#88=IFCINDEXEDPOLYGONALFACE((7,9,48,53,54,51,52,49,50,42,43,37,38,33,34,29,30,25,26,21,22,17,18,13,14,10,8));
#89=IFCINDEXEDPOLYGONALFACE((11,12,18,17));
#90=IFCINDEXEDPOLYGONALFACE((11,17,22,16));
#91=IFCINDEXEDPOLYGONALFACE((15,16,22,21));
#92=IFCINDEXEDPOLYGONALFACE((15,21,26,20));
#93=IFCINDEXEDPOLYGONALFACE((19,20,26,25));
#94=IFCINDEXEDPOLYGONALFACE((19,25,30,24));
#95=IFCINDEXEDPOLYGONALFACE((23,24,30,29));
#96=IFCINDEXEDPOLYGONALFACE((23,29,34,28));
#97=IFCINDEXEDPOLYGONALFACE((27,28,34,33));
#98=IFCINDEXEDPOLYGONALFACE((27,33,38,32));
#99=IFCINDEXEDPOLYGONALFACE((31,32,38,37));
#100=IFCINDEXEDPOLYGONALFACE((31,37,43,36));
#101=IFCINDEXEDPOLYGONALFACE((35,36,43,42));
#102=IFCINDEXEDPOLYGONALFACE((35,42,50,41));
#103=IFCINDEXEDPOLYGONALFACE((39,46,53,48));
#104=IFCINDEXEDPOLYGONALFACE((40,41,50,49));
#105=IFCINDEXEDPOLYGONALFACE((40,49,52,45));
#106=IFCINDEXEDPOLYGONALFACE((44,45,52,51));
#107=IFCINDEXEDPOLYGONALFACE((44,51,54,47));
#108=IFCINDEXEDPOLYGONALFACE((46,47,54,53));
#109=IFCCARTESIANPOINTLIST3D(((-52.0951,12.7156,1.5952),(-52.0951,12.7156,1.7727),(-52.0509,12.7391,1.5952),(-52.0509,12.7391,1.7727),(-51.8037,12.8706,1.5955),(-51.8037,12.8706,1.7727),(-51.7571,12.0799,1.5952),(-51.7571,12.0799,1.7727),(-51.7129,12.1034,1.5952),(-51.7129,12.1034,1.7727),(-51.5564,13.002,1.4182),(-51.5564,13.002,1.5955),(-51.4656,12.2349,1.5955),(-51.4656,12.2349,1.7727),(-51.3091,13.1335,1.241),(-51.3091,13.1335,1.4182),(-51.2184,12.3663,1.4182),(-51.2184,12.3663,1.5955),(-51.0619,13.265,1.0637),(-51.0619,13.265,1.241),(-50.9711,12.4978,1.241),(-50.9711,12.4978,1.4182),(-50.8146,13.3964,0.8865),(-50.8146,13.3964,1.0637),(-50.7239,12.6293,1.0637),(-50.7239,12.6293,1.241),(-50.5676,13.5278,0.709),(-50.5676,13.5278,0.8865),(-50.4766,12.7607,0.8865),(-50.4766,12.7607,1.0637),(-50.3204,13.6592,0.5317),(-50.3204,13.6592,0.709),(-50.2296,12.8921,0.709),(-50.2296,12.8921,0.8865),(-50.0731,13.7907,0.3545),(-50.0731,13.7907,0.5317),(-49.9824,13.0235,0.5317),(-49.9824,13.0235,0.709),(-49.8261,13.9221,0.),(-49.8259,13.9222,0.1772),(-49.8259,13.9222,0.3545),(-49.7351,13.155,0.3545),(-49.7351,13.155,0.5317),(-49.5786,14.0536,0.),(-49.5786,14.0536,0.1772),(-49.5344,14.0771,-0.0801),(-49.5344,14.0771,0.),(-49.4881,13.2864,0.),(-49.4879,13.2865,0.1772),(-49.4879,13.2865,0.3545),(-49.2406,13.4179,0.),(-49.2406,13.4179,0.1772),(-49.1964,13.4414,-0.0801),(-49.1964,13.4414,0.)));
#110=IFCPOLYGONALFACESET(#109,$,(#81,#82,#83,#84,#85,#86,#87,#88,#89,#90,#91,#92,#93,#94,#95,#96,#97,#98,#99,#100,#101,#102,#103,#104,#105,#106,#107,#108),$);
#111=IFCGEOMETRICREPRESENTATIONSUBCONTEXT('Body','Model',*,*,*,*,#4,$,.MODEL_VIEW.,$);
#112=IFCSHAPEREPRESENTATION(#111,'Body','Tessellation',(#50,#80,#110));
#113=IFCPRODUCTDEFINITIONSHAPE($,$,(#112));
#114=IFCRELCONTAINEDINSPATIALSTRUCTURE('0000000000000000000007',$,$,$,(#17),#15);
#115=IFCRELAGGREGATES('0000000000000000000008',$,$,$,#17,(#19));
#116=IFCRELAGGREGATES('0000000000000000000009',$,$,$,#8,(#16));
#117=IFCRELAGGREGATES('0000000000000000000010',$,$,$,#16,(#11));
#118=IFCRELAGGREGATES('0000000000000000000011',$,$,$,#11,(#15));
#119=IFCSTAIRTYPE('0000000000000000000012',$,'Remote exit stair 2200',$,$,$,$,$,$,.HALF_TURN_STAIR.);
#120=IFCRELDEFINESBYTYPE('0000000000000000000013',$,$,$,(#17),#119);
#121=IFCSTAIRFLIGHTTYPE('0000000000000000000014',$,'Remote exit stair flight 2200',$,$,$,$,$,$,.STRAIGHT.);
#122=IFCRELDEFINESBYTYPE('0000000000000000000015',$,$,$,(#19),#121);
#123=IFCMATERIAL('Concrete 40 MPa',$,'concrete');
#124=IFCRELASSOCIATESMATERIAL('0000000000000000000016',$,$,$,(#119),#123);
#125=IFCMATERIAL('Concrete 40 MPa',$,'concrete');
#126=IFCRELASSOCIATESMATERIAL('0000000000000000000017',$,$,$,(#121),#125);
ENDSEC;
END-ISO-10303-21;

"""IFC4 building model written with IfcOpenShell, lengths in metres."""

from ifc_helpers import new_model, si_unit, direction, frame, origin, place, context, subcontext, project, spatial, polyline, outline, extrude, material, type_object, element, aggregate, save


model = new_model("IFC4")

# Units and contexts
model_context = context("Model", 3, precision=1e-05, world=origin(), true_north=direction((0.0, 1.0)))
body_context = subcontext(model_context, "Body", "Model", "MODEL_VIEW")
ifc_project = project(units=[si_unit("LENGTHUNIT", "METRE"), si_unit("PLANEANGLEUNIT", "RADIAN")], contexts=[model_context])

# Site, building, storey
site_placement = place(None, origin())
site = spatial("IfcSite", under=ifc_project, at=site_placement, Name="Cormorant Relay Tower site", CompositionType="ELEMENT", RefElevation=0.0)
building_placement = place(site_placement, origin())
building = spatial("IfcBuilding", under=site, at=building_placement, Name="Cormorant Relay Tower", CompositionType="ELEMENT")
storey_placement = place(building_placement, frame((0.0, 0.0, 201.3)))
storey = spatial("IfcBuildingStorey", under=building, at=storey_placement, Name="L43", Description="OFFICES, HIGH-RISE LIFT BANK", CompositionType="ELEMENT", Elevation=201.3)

Task statement: Check every line above for the string "IFCRELAGGREGATES", and copy the ones that have it.

Response area:
#115=IFCRELAGGREGATES('0000000000000000000008',$,$,$,#17,(#19));
#116=IFCRELAGGREGATES('0000000000000000000009',$,$,$,#8,(#16));
#117=IFCRELAGGREGATES('0000000000000000000010',$,$,$,#16,(#11));
#118=IFCRELAGGREGATES('0000000000000000000011',$,$,$,#11,(#15));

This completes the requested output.